YOUR TASK ::
Where the listing below reaches the line containing "#126=IFCINDEXEDPOLYGONALFACE((1,5,6,2));", start writing out lines exactly, and stop once the line containing "#141=IFCINDEXEDPOLYGONALFACE((29,33,34,30));" has been written.

INPUT RECORDS ::
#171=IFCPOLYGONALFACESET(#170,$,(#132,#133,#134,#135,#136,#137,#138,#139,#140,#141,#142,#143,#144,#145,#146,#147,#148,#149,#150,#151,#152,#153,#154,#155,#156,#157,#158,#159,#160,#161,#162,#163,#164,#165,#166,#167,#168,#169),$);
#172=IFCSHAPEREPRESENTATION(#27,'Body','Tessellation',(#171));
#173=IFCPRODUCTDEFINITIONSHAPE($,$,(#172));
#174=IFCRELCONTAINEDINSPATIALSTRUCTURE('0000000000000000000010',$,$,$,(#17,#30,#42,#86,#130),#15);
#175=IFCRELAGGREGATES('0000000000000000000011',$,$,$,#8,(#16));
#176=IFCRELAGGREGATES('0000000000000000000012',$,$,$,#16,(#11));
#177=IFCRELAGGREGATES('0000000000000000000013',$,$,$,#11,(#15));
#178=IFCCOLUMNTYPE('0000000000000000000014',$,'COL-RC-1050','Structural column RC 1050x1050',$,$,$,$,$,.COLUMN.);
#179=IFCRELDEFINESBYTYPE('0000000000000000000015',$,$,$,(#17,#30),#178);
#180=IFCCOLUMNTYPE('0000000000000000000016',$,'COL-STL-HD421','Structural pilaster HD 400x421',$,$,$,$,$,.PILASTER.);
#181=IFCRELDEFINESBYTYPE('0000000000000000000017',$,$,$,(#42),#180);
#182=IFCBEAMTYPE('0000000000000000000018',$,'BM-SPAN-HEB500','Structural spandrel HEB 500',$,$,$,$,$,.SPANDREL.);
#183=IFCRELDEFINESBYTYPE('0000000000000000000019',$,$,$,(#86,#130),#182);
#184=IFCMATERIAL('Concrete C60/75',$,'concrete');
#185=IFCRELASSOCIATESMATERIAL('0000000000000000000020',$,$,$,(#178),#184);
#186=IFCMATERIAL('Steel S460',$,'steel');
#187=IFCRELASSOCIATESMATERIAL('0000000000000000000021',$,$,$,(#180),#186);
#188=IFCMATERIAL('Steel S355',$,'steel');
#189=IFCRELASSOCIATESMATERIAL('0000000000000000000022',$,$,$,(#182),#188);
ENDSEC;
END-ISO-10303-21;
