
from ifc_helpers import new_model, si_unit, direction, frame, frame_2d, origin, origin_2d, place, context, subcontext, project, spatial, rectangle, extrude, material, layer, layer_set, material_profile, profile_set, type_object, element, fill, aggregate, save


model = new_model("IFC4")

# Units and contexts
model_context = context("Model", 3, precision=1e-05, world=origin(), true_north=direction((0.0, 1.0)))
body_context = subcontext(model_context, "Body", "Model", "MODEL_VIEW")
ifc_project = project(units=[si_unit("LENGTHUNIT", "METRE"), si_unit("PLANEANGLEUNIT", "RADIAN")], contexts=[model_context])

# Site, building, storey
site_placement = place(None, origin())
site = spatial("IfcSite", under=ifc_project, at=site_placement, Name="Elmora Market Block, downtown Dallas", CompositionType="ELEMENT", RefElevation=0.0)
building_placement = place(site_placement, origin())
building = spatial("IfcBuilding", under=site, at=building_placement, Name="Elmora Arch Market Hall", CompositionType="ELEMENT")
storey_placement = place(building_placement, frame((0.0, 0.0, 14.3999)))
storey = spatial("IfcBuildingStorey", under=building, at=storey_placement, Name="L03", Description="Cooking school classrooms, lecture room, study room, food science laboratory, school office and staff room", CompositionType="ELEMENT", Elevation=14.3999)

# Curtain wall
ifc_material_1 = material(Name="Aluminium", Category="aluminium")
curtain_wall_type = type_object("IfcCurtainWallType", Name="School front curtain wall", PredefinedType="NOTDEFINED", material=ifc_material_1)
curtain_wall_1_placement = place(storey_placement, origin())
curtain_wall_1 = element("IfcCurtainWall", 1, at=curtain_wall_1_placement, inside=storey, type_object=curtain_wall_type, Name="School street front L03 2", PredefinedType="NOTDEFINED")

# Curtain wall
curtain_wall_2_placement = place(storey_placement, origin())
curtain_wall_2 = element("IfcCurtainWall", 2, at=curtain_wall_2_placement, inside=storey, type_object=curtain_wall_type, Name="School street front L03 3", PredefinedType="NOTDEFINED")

==

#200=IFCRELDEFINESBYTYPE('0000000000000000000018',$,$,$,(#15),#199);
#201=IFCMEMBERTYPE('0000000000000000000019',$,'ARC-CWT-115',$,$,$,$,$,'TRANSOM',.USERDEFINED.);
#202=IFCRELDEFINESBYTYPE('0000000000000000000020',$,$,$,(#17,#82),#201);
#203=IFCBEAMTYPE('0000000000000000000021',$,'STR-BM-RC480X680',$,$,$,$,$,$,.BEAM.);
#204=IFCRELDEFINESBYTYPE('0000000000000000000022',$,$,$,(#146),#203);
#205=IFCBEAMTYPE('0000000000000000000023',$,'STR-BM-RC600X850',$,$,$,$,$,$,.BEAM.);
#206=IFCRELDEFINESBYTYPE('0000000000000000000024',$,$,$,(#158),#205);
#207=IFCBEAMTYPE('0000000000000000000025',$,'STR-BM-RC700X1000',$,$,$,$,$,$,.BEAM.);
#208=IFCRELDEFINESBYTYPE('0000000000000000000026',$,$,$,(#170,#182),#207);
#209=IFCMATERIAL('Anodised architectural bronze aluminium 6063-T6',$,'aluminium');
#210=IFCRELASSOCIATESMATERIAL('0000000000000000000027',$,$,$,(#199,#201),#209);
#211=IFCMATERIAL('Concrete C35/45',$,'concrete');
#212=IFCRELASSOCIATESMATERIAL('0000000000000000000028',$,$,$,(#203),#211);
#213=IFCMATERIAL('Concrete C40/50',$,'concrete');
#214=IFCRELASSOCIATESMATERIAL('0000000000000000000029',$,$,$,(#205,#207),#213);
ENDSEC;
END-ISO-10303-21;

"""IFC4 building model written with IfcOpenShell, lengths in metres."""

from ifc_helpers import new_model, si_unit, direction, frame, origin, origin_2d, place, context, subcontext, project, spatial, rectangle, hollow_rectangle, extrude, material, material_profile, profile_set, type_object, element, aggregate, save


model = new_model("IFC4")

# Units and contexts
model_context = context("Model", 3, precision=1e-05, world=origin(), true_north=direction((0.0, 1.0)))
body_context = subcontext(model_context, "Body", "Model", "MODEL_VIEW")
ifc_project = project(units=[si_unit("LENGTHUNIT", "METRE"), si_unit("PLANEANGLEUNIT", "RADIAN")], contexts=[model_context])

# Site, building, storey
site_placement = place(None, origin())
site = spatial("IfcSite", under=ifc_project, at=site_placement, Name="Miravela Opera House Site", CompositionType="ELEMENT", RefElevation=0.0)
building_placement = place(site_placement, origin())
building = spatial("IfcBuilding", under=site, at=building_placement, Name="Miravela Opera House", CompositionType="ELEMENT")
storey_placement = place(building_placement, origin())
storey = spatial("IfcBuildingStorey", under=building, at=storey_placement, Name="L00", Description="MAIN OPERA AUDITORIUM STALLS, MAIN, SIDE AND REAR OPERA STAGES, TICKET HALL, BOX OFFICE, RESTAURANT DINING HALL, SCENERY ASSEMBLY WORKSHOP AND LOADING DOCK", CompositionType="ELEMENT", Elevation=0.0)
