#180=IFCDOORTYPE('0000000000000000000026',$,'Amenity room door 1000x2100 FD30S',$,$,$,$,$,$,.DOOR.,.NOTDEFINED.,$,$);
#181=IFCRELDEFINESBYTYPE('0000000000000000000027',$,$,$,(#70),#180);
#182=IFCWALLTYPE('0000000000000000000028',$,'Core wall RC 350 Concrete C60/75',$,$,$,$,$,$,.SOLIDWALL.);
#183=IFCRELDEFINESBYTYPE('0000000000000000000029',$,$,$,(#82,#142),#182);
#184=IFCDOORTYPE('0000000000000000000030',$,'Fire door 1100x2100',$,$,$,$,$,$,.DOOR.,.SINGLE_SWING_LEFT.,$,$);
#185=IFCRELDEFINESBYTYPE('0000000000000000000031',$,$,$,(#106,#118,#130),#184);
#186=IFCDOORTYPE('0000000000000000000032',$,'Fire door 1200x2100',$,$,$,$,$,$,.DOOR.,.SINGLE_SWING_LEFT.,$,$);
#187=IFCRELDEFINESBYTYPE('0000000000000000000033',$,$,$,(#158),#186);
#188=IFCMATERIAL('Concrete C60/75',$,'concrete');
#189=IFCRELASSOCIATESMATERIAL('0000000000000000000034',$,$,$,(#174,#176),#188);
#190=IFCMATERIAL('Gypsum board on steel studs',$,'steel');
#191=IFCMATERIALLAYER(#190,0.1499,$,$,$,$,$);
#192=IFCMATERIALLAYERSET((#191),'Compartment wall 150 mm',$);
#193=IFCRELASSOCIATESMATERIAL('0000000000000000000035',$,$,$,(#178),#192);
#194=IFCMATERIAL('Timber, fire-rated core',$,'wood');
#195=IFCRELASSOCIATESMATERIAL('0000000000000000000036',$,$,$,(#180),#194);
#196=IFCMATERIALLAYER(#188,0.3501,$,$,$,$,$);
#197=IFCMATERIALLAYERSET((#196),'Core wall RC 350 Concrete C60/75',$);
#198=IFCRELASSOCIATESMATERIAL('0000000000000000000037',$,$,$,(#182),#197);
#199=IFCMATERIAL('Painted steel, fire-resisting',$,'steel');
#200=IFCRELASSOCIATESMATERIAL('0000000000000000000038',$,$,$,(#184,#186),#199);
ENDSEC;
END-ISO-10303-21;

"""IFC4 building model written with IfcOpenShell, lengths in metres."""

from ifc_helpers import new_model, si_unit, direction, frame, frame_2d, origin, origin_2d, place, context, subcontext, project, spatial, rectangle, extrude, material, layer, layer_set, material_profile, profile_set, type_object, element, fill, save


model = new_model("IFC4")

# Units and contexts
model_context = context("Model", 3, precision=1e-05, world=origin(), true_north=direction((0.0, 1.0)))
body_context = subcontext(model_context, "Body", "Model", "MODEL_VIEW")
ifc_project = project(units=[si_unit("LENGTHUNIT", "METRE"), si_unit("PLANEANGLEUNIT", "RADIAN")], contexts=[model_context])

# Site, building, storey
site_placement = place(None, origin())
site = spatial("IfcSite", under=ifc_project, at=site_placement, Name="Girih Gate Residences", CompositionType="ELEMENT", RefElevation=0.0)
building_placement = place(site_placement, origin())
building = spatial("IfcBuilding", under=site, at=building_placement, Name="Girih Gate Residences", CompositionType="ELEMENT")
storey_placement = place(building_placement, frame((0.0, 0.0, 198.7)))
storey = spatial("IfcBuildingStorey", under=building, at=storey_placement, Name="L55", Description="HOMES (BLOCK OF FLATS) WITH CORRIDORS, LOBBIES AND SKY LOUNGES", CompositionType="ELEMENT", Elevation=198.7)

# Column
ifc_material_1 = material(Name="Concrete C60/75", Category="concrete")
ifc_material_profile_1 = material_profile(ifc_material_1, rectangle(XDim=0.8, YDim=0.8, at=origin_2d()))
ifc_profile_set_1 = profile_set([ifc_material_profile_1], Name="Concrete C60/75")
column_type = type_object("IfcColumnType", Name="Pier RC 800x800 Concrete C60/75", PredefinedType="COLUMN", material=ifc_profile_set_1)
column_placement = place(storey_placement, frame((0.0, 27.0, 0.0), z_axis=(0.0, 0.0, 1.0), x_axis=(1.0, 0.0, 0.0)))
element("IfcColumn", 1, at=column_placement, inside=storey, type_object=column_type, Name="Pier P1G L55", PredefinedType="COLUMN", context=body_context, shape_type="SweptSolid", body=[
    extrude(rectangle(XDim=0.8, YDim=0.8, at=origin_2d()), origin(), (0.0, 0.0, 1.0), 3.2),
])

---

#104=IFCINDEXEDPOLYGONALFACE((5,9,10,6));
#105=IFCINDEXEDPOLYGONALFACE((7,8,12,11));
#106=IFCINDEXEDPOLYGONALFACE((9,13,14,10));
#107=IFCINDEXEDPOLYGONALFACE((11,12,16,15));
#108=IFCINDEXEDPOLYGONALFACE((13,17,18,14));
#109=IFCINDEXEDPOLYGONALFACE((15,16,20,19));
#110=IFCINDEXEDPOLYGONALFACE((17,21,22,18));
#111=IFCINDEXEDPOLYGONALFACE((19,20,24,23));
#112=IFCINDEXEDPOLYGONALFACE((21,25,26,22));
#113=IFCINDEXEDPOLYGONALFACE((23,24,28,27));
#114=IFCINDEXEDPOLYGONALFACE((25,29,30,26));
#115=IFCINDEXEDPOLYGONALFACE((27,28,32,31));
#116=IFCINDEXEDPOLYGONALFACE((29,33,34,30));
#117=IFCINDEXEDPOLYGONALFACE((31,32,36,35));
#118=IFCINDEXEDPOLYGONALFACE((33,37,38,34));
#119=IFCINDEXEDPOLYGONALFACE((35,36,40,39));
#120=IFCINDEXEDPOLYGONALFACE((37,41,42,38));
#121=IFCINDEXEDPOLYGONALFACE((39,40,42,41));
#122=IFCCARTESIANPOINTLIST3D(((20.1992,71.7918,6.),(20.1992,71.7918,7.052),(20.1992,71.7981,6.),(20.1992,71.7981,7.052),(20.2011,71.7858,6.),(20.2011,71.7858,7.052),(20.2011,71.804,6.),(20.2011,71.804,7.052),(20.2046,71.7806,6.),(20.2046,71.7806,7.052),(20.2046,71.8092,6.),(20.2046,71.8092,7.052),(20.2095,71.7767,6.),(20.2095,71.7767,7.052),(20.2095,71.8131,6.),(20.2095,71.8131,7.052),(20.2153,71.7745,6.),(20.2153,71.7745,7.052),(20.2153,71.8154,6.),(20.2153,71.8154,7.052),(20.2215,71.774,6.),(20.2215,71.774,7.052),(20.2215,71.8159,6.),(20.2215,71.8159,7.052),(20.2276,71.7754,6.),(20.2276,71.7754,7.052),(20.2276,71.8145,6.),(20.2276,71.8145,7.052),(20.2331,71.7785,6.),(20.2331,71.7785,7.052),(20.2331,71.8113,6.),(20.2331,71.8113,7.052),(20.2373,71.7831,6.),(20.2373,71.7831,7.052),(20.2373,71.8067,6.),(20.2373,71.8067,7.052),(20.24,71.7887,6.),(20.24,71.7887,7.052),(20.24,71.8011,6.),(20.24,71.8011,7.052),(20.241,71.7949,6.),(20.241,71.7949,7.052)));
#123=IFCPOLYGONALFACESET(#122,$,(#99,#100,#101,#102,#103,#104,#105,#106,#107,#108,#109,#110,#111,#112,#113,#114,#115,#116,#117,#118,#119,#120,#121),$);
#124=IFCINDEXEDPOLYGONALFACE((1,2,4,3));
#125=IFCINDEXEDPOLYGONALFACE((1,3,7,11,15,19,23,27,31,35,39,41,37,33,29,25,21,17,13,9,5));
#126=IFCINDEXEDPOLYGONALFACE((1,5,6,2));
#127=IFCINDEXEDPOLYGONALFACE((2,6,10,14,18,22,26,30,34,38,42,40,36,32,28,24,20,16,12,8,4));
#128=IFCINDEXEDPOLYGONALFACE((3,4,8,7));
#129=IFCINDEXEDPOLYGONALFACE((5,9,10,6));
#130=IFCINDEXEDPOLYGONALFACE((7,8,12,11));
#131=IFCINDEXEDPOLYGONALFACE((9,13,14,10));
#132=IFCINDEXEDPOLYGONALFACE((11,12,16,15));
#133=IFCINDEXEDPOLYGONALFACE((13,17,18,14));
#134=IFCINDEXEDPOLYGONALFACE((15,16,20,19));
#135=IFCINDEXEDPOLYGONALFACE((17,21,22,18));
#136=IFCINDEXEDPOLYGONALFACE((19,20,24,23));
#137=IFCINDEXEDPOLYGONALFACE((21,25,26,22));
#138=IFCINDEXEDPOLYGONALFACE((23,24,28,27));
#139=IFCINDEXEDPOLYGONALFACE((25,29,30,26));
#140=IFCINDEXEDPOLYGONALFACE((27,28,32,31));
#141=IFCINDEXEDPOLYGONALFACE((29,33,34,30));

EXERCISE OUTPUT ::
#126=IFCINDEXEDPOLYGONALFACE((1,5,6,2));
#127=IFCINDEXEDPOLYGONALFACE((2,6,10,14,18,22,26,30,34,38,42,40,36,32,28,24,20,16,12,8,4));
#128=IFCINDEXEDPOLYGONALFACE((3,4,8,7));
#129=IFCINDEXEDPOLYGONALFACE((5,9,10,6));
#130=IFCINDEXEDPOLYGONALFACE((7,8,12,11));
#131=IFCINDEXEDPOLYGONALFACE((9,13,14,10));
#132=IFCINDEXEDPOLYGONALFACE((11,12,16,15));
#133=IFCINDEXEDPOLYGONALFACE((13,17,18,14));
#134=IFCINDEXEDPOLYGONALFACE((15,16,20,19));
#135=IFCINDEXEDPOLYGONALFACE((17,21,22,18));
#136=IFCINDEXEDPOLYGONALFACE((19,20,24,23));
#137=IFCINDEXEDPOLYGONALFACE((21,25,26,22));
#138=IFCINDEXEDPOLYGONALFACE((23,24,28,27));
#139=IFCINDEXEDPOLYGONALFACE((25,29,30,26));
#140=IFCINDEXEDPOLYGONALFACE((27,28,32,31));
#141=IFCINDEXEDPOLYGONALFACE((29,33,34,30));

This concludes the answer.